* **THE PROBLEM**: Copy, exactly and without additions, every line in the records below from the one holding "#100=IFCINDEXEDPOLYGONALFACE((11,12,16,15));" through the one holding "#111=IFCINDEXEDPOLYGONALFACE((33,37,38,34));", both ends included.
══════════
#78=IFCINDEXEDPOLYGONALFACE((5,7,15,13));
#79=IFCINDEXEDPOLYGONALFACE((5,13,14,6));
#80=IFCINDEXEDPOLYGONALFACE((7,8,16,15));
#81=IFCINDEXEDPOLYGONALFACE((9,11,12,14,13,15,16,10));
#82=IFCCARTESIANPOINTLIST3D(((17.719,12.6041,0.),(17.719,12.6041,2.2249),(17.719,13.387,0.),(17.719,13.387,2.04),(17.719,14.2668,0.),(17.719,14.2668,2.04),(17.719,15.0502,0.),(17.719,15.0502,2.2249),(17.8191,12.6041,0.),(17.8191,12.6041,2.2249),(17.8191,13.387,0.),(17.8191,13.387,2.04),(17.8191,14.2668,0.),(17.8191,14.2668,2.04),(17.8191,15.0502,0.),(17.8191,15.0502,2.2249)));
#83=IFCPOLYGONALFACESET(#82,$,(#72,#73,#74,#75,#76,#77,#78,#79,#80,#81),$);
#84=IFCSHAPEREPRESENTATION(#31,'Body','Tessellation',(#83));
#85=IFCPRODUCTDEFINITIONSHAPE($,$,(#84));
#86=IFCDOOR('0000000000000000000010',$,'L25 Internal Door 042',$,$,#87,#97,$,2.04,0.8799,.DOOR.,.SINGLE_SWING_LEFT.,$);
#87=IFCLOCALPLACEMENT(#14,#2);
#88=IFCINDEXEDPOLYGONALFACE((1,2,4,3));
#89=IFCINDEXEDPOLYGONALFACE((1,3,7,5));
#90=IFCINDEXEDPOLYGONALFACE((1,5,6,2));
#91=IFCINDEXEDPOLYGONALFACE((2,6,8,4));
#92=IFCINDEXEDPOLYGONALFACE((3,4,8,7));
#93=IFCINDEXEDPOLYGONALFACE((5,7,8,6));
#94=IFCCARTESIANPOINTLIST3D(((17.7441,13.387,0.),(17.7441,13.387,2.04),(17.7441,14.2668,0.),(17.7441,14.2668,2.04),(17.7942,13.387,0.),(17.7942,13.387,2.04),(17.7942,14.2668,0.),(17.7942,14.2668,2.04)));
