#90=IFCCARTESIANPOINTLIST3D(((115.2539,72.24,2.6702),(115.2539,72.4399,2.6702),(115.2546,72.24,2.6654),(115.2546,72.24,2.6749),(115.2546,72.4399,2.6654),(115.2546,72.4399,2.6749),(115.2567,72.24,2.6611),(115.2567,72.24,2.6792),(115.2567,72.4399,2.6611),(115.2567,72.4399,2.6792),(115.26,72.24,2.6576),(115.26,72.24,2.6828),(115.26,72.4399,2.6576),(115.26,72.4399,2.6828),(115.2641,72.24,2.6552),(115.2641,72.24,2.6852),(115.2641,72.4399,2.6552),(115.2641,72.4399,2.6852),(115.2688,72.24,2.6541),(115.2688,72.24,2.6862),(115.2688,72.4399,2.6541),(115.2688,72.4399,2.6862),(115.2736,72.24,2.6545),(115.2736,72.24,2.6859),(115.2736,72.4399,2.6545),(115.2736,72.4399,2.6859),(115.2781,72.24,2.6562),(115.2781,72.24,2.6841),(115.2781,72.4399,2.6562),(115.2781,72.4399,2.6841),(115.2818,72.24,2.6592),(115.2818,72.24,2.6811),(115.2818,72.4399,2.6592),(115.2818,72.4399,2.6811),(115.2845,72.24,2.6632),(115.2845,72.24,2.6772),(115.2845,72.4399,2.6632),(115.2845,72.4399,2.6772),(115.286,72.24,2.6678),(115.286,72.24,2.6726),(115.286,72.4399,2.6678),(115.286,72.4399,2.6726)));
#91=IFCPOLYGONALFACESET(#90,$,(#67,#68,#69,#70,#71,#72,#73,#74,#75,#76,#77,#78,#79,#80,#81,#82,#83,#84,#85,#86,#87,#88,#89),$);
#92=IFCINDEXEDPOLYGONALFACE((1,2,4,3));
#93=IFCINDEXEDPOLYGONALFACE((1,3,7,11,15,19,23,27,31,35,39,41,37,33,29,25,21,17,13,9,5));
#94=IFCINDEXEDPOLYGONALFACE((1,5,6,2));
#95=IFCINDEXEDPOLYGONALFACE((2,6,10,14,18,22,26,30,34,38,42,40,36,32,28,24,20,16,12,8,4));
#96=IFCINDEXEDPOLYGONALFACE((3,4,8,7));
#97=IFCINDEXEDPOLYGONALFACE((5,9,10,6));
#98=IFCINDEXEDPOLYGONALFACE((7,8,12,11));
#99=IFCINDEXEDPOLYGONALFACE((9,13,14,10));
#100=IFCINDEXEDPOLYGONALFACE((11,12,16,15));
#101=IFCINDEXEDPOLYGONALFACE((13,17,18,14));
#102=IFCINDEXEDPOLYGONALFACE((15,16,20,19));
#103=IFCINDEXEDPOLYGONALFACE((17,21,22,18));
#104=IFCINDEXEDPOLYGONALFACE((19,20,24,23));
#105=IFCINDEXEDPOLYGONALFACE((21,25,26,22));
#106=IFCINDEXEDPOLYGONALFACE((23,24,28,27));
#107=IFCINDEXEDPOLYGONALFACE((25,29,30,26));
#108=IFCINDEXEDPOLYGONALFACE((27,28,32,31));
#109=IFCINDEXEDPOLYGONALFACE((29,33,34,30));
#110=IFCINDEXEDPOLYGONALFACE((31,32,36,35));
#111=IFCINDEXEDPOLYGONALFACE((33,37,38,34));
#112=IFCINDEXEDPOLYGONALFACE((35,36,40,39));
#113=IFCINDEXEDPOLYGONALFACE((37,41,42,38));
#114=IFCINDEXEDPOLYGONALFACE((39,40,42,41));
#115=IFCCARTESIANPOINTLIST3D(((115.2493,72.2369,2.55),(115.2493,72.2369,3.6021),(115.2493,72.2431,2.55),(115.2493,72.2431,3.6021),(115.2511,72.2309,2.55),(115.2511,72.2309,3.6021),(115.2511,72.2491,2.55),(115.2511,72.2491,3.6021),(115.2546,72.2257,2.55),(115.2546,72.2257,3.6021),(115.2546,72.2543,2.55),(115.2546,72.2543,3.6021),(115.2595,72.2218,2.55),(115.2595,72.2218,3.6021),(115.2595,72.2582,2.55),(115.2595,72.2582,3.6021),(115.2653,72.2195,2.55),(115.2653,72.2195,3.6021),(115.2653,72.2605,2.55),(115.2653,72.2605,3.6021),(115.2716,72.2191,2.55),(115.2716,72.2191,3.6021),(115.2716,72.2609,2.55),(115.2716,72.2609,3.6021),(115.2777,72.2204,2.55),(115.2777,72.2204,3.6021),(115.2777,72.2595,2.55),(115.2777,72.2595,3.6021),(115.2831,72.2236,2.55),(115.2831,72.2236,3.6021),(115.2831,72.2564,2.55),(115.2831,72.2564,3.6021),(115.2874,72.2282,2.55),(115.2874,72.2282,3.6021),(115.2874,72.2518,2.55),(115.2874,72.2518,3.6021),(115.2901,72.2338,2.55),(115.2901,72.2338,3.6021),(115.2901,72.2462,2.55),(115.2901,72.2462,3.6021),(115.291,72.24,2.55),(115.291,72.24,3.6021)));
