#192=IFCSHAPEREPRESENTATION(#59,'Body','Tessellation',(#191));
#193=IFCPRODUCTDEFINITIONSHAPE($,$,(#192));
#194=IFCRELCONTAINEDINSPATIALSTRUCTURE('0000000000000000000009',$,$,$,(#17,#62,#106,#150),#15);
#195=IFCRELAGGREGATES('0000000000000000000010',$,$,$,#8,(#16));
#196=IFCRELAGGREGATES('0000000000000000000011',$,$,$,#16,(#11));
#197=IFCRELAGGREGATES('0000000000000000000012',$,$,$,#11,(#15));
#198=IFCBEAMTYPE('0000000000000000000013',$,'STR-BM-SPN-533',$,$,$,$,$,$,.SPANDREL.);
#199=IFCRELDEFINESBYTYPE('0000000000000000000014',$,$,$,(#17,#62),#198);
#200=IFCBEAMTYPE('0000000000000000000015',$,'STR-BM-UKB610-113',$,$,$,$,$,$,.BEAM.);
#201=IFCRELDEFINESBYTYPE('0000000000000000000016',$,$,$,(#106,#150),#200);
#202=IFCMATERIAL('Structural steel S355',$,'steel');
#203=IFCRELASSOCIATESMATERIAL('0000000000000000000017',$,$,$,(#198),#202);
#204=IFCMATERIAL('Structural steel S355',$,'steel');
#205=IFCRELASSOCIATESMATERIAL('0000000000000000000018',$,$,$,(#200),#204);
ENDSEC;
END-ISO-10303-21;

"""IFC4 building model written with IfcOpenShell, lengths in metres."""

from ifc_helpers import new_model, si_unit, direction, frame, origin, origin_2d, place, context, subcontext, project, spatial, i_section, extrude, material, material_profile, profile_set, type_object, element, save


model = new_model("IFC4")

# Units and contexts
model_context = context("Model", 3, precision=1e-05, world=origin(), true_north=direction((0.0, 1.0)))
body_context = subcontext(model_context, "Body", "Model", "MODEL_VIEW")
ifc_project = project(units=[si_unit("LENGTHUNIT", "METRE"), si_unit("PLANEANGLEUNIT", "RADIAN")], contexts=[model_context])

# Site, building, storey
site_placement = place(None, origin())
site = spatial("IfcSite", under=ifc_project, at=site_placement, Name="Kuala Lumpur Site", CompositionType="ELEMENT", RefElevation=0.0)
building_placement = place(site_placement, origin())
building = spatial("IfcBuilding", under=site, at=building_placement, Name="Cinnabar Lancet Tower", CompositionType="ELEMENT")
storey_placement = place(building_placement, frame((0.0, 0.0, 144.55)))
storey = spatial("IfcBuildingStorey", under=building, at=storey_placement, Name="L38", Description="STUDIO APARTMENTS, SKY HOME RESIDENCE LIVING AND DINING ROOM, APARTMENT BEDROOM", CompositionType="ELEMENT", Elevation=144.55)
══════════
* **RESULT OF THIS EXERCISE**:
#100=IFCINDEXEDPOLYGONALFACE((11,12,16,15));
#101=IFCINDEXEDPOLYGONALFACE((13,17,18,14));
#102=IFCINDEXEDPOLYGONALFACE((15,16,20,19));
#103=IFCINDEXEDPOLYGONALFACE((17,21,22,18));
#104=IFCINDEXEDPOLYGONALFACE((19,20,24,23));
#105=IFCINDEXEDPOLYGONALFACE((21,25,26,22));
#106=IFCINDEXEDPOLYGONALFACE((23,24,28,27));
#107=IFCINDEXEDPOLYGONALFACE((25,29,30,26));
#108=IFCINDEXEDPOLYGONALFACE((27,28,32,31));
#109=IFCINDEXEDPOLYGONALFACE((29,33,34,30));
#110=IFCINDEXEDPOLYGONALFACE((31,32,36,35));
#111=IFCINDEXEDPOLYGONALFACE((33,37,38,34));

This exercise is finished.